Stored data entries

☆ ☆ ☆ ☆

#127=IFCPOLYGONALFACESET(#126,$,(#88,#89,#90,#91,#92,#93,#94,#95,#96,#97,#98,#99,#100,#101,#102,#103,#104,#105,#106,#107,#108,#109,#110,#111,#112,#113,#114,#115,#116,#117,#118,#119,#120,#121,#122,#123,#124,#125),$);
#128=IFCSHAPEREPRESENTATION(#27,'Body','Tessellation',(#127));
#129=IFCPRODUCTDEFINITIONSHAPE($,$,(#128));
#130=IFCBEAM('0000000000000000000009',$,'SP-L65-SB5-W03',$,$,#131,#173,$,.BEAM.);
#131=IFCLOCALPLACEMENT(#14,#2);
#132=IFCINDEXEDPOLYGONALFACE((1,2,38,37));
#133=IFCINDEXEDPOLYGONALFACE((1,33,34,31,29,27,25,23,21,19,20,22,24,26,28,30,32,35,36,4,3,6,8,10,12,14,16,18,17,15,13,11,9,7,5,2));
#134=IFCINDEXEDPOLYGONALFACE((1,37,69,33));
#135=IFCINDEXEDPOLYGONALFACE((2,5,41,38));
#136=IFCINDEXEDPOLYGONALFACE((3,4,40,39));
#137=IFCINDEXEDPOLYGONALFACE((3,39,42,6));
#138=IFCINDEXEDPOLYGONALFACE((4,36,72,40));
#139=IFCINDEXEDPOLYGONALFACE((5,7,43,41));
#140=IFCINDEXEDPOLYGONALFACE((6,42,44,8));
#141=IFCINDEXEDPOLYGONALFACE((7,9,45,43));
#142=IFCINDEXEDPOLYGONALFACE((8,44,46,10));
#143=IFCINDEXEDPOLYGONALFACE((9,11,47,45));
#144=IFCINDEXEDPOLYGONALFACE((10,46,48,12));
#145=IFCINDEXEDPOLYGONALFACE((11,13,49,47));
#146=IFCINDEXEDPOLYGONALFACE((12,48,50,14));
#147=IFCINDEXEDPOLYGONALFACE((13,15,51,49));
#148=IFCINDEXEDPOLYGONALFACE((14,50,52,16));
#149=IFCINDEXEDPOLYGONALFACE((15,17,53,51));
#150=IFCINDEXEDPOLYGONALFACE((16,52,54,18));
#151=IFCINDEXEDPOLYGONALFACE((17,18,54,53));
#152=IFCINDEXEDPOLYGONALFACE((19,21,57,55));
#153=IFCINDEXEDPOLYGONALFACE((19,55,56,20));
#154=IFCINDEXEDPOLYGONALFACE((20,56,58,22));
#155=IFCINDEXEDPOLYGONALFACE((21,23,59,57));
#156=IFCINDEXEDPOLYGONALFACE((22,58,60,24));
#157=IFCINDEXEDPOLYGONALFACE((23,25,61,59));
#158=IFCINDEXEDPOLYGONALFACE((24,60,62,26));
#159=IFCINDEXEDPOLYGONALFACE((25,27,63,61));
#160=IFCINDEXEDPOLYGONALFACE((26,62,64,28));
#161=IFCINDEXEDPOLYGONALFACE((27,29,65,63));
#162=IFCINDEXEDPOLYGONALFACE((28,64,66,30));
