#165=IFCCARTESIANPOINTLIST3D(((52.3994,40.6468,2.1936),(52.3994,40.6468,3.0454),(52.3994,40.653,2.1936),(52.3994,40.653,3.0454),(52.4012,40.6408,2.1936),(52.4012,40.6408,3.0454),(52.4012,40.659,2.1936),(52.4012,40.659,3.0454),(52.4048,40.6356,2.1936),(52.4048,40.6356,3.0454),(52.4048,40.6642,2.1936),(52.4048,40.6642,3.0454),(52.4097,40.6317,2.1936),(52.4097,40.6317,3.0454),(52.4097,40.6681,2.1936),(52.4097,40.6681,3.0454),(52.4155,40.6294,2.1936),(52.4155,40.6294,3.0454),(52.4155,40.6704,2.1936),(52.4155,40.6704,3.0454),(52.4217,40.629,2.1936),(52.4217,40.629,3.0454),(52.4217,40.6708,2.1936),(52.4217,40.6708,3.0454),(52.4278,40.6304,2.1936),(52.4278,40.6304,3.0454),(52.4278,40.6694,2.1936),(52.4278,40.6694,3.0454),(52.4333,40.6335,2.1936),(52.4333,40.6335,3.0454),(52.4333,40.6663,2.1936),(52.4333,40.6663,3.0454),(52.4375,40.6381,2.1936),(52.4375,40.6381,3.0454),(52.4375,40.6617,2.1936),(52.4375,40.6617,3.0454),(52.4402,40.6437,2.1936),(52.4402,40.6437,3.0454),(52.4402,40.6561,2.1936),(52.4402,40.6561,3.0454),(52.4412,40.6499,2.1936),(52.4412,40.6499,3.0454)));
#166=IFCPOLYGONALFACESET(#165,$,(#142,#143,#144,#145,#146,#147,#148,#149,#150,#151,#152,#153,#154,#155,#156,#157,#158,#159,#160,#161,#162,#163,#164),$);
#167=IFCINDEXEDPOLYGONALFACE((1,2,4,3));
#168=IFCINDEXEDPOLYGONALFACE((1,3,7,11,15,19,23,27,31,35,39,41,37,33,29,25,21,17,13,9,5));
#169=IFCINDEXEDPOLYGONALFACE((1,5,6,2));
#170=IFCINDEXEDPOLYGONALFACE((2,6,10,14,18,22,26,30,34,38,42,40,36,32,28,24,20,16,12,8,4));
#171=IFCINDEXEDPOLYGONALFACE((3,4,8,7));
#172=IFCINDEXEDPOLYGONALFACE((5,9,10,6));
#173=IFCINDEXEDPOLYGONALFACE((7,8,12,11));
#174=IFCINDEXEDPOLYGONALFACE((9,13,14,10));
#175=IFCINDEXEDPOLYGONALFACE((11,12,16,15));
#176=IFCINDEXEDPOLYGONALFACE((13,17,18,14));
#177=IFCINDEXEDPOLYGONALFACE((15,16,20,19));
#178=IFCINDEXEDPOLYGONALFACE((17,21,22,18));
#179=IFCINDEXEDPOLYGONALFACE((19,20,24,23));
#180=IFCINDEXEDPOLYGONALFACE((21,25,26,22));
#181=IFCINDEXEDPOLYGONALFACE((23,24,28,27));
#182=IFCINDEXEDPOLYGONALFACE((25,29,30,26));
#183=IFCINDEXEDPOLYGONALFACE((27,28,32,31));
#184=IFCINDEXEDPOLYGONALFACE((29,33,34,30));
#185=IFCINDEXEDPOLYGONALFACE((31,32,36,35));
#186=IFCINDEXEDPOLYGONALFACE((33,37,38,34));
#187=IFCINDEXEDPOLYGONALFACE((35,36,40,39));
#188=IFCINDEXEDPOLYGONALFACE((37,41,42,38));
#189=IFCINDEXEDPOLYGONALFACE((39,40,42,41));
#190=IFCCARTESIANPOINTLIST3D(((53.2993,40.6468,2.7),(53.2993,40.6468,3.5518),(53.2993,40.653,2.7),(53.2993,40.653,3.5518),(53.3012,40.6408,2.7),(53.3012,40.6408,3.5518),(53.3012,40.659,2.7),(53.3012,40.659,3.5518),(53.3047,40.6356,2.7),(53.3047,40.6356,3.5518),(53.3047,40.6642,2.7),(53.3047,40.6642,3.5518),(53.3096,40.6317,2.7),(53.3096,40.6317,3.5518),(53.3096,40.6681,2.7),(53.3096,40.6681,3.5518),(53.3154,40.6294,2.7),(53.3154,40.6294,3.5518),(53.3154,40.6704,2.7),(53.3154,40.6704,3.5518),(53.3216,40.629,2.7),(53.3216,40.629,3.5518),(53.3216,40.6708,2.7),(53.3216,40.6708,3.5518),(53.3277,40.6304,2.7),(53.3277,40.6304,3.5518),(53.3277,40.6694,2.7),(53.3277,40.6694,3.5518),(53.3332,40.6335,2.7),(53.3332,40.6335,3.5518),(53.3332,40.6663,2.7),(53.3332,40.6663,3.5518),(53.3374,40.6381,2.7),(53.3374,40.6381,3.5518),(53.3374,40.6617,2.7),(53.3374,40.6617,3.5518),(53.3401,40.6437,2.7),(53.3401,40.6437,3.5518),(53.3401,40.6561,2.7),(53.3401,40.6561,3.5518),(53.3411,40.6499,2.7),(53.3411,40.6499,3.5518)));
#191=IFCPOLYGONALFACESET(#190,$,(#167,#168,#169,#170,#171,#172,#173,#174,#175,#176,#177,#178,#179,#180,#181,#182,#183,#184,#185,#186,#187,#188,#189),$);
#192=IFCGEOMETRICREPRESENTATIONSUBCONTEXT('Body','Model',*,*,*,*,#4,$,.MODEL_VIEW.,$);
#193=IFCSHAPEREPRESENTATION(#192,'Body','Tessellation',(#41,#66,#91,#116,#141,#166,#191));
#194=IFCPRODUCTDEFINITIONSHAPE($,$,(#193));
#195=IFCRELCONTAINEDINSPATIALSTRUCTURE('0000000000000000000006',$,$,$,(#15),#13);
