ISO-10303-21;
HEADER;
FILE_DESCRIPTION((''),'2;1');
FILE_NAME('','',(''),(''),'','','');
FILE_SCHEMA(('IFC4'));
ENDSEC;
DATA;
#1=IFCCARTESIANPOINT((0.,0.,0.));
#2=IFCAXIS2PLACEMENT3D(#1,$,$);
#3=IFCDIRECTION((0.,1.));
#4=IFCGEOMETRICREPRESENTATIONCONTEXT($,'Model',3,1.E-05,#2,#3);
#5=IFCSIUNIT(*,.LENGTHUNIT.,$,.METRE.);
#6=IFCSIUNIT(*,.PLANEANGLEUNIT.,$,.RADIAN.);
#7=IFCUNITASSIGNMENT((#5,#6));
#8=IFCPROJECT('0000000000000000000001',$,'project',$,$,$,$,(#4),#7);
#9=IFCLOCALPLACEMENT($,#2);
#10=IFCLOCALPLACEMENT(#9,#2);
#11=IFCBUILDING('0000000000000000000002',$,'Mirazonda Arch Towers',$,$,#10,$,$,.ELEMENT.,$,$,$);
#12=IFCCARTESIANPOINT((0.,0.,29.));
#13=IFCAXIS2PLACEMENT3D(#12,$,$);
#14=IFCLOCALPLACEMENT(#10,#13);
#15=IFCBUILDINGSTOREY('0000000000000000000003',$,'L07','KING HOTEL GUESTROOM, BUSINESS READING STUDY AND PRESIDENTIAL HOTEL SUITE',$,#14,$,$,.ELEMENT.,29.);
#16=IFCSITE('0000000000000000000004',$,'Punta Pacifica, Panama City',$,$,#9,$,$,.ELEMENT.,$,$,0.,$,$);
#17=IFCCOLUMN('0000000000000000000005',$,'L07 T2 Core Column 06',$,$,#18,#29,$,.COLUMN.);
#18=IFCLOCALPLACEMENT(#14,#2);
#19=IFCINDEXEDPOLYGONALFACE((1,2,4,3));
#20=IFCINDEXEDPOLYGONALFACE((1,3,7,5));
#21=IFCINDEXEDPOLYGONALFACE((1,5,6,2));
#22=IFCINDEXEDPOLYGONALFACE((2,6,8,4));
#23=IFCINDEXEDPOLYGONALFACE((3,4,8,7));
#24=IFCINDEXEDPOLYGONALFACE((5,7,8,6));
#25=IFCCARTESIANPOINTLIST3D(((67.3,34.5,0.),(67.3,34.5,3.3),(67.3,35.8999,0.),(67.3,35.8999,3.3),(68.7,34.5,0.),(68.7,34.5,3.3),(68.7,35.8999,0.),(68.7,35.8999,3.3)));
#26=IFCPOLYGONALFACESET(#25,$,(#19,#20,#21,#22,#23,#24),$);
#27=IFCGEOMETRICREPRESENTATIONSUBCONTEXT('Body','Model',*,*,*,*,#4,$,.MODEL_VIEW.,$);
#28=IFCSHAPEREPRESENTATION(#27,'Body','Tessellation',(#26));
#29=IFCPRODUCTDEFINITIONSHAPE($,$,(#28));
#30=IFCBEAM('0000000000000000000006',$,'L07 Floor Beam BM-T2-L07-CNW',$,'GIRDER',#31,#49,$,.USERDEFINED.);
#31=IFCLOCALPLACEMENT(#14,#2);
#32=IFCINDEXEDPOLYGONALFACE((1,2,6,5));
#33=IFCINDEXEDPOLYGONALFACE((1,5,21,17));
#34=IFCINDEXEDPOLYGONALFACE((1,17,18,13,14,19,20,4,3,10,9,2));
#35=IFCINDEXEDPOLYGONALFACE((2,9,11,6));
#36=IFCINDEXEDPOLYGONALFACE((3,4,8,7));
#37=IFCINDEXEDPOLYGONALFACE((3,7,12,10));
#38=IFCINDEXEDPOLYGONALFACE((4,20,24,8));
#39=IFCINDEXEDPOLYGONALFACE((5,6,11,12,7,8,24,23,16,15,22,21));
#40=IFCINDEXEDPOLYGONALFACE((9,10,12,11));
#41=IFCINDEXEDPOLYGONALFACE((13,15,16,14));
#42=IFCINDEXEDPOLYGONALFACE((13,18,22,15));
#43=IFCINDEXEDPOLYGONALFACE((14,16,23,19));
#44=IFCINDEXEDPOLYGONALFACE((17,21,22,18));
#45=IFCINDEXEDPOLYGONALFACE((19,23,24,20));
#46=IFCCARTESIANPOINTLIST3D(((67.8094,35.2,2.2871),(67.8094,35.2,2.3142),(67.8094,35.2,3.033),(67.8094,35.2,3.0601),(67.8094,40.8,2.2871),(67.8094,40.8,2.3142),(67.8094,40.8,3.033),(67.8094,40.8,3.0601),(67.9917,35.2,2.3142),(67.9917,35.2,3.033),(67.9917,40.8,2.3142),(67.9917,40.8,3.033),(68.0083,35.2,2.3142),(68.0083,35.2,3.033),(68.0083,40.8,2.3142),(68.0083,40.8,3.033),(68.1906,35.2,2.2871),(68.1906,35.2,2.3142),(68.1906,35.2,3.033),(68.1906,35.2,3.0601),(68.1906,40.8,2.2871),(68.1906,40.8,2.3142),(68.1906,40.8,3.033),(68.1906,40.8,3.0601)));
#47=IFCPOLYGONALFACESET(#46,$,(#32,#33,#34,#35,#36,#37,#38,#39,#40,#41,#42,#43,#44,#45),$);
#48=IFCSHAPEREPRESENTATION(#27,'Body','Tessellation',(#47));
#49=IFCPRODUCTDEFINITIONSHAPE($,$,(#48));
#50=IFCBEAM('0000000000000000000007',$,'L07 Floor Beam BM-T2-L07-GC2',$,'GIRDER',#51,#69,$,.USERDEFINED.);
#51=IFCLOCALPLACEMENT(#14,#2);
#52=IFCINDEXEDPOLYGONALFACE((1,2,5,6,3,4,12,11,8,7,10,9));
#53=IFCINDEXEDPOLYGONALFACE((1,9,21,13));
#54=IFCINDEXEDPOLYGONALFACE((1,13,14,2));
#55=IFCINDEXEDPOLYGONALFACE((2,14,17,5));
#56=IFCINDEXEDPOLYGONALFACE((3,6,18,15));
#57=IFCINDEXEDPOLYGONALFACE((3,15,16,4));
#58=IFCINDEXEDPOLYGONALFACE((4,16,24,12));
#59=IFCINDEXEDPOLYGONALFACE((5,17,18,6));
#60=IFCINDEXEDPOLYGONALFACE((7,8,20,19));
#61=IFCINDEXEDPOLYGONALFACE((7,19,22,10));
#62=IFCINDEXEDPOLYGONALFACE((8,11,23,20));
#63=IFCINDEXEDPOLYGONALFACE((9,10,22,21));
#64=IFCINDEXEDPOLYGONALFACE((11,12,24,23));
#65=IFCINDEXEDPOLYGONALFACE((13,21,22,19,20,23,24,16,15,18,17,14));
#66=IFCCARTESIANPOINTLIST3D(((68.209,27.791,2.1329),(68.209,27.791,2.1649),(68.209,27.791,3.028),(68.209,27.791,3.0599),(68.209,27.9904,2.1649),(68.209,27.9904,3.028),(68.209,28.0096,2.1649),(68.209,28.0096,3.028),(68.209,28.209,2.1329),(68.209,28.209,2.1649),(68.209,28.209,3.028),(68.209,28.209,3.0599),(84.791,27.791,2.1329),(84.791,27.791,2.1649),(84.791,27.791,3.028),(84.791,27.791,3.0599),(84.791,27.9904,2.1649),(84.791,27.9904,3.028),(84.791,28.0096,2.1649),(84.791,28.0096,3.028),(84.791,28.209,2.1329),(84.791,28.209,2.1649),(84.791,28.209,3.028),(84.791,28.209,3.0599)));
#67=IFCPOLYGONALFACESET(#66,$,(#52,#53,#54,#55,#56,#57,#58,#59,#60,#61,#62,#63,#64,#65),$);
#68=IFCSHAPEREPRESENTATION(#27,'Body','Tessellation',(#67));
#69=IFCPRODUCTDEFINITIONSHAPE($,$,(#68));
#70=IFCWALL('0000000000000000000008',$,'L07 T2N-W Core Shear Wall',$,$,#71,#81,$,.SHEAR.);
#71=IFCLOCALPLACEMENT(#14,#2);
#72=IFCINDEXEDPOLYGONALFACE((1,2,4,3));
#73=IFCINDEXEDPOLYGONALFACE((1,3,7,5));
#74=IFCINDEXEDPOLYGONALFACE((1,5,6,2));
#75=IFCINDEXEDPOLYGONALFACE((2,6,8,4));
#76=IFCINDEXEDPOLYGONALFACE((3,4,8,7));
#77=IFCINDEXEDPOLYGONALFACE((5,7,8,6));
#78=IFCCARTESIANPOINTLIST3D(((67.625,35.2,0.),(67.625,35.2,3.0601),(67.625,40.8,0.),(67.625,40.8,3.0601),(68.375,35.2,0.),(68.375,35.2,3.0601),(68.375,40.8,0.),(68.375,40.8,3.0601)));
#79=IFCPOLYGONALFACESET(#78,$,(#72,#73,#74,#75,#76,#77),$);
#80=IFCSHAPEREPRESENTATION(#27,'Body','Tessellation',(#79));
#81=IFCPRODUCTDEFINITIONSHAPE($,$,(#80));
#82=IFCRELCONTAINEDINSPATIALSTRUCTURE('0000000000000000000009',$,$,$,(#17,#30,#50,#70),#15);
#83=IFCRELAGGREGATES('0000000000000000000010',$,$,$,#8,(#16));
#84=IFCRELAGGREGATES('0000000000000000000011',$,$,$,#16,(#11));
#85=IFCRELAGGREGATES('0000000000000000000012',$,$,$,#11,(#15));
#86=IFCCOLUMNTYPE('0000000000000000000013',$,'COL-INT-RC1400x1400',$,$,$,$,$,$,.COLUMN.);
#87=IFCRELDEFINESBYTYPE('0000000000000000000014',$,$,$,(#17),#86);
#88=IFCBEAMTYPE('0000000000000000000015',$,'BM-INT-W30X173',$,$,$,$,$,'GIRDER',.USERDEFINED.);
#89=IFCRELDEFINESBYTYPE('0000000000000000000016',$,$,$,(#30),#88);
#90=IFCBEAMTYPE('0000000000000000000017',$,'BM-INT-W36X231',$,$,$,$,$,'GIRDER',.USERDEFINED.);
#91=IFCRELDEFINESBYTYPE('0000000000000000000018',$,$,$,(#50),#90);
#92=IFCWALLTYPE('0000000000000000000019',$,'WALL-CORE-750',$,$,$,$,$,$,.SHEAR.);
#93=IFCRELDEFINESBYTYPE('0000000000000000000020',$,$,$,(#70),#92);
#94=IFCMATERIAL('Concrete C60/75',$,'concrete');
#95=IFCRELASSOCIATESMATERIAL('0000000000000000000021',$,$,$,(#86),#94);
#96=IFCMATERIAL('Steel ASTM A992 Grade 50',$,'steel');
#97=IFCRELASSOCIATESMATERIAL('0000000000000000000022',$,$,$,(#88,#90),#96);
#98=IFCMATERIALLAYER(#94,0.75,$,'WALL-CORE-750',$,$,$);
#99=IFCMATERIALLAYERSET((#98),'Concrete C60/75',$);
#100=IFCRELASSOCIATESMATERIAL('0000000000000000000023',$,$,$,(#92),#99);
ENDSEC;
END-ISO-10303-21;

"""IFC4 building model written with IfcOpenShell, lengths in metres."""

from ifc_helpers import new_model, si_unit, direction, frame, frame_2d, origin, origin_2d, place, context, subcontext, project, spatial, rectangle, i_section, extrude, material, layer, layer_set, material_profile, profile_set, type_object, element, save


model = new_model("IFC4")

# Units and contexts
model_context = context("Model", 3, precision=1e-05, world=origin(), true_north=direction((0.0, 1.0)))
body_context = subcontext(model_context, "Body", "Model", "MODEL_VIEW")
ifc_project = project(units=[si_unit("LENGTHUNIT", "METRE"), si_unit("PLANEANGLEUNIT", "RADIAN")], contexts=[model_context])

# Site, building, storey
site_placement = place(None, origin())
site = spatial("IfcSite", under=ifc_project, at=site_placement, Name="Punta Pacifica, Panama City", CompositionType="ELEMENT", RefElevation=0.0)
building_placement = place(site_placement, origin())
building = spatial("IfcBuilding", under=site, at=building_placement, Name="Mirazonda Arch Towers", CompositionType="ELEMENT")
storey_placement = place(building_placement, frame((0.0, 0.0, 29.0)))
storey = spatial("IfcBuildingStorey", under=building, at=storey_placement, Name="L07", Description="KING HOTEL GUESTROOM, BUSINESS READING STUDY AND PRESIDENTIAL HOTEL SUITE", CompositionType="ELEMENT", Elevation=29.0)

# Column
ifc_material_1 = material(Name="Concrete C60/75", Category="concrete")
ifc_material_profile_1 = material_profile(ifc_material_1, rectangle(XDim=1.3999, YDim=1.3999, at=origin_2d()), Name="RC1400x1400")
ifc_profile_set_1 = profile_set([ifc_material_profile_1], Name="Concrete C60/75")
column_type = type_object("IfcColumnType", Name="COL-INT-RC1400x1400", PredefinedType="COLUMN", material=ifc_profile_set_1)
column_placement = place(storey_placement, frame((68.0, 35.2, 0.0), z_axis=(0.0, 0.0, 1.0), x_axis=(1.0, 0.0, 0.0)))
element("IfcColumn", 1, at=column_placement, inside=storey, type_object=column_type, Name="L07 T2 Core Column 06", PredefinedType="COLUMN", context=body_context, shape_type="SweptSolid", body=[
    extrude(rectangle(XDim=1.3999, YDim=1.3999, at=origin_2d()), origin(), (0.0, 0.0, 1.0), 3.3),
])

# Beams
ifc_material_2 = material(Name="Steel ASTM A992 Grade 50", Category="steel")
ifc_material_profile_2 = material_profile(ifc_material_2, i_section(OverallWidth=0.3811, OverallDepth=0.7729, WebThickness=0.0166, FlangeThickness=0.0271, at=origin_2d()), Name="W30X173")
ifc_profile_set_2 = profile_set([ifc_material_profile_2], Name="Steel ASTM A992 Grade 50")
beam_type_1 = type_object("IfcBeamType", Name="BM-INT-W30X173", ElementType="GIRDER", PredefinedType="USERDEFINED", material=ifc_profile_set_2)
beam_1_placement = place(storey_placement, frame((68.0, 35.2, 2.6736), z_axis=(0.0, 1.0, 0.0), x_axis=(-1.0, 0.0, 0.0)))
element("IfcBeam", 2, at=beam_1_placement, inside=storey, type_object=beam_type_1, Name="L07 Floor Beam BM-T2-L07-CNW", ObjectType="GIRDER", PredefinedType="USERDEFINED", context=body_context, shape_type="SweptSolid", body=[
    extrude(i_section(OverallWidth=0.3811, OverallDepth=0.7729, WebThickness=0.0166, FlangeThickness=0.0271, at=origin_2d()), origin(), (0.0, 0.0, 1.0), 5.6001),
])
ifc_material_profile_3 = material_profile(ifc_material_2, i_section(OverallWidth=0.418, OverallDepth=0.927, WebThickness=0.0193, FlangeThickness=0.032, at=origin_2d()), Name="W36X231")
ifc_profile_set_3 = profile_set([ifc_material_profile_3], Name="Steel ASTM A992 Grade 50")
beam_type_2 = type_object("IfcBeamType", Name="BM-INT-W36X231", ElementType="GIRDER", PredefinedType="USERDEFINED", material=ifc_profile_set_3)
beam_2_placement = place(storey_placement, frame((68.209, 28.0, 2.5964), z_axis=(1.0, 0.0, 0.0), x_axis=(0.0, 1.0, 0.0)))
element("IfcBeam", 3, at=beam_2_placement, inside=storey, type_object=beam_type_2, Name="L07 Floor Beam BM-T2-L07-GC2", ObjectType="GIRDER", PredefinedType="USERDEFINED", context=body_context, shape_type="SweptSolid", body=[
    extrude(i_section(OverallWidth=0.418, OverallDepth=0.927, WebThickness=0.0193, FlangeThickness=0.032, at=origin_2d()), origin(), (0.0, 0.0, 1.0), 16.582),
])

# Wall
ifc_layer_1 = layer(ifc_material_1, 0.75, Name="WALL-CORE-750")
ifc_layer_set_1 = layer_set([ifc_layer_1], Name="Concrete C60/75")
wall_type_1 = type_object("IfcWallType", Name="WALL-CORE-750", PredefinedType="SHEAR", material=ifc_layer_set_1)
wall_1_placement = place(storey_placement, frame((68.0, 35.2, 0.0), z_axis=(0.0, 0.0, 1.0), x_axis=(0.0, 1.0, 0.0)))
element("IfcWall", 4, at=wall_1_placement, inside=storey, type_object=wall_type_1, Name="L07 T2N-W Core Shear Wall", PredefinedType="SHEAR", context=body_context, shape_type="SweptSolid", body=[
    extrude(rectangle(XDim=5.6001, YDim=0.75, at=frame_2d((2.8, 0.0))), origin(), (0.0, 0.0, 1.0), 3.0601),
])

save(model, "model.ifc")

☆ ☆ ☆ ☆

• **REQUIRED ACTION**: From the start of the data to the line that holds "#139=IFCINDEXEDPOLYGONALFACE((5,7,43,41));", retype each line exactly, with both ends included.

• **RESPONSE**:
#127=IFCPOLYGONALFACESET(#126,$,(#88,#89,#90,#91,#92,#93,#94,#95,#96,#97,#98,#99,#100,#101,#102,#103,#104,#105,#106,#107,#108,#109,#110,#111,#112,#113,#114,#115,#116,#117,#118,#119,#120,#121,#122,#123,#124,#125),$);
#128=IFCSHAPEREPRESENTATION(#27,'Body','Tessellation',(#127));
#129=IFCPRODUCTDEFINITIONSHAPE($,$,(#128));
#130=IFCBEAM('0000000000000000000009',$,'SP-L65-SB5-W03',$,$,#131,#173,$,.BEAM.);
#131=IFCLOCALPLACEMENT(#14,#2);
#132=IFCINDEXEDPOLYGONALFACE((1,2,38,37));
#133=IFCINDEXEDPOLYGONALFACE((1,33,34,31,29,27,25,23,21,19,20,22,24,26,28,30,32,35,36,4,3,6,8,10,12,14,16,18,17,15,13,11,9,7,5,2));
#134=IFCINDEXEDPOLYGONALFACE((1,37,69,33));
#135=IFCINDEXEDPOLYGONALFACE((2,5,41,38));
#136=IFCINDEXEDPOLYGONALFACE((3,4,40,39));
#137=IFCINDEXEDPOLYGONALFACE((3,39,42,6));
#138=IFCINDEXEDPOLYGONALFACE((4,36,72,40));
#139=IFCINDEXEDPOLYGONALFACE((5,7,43,41));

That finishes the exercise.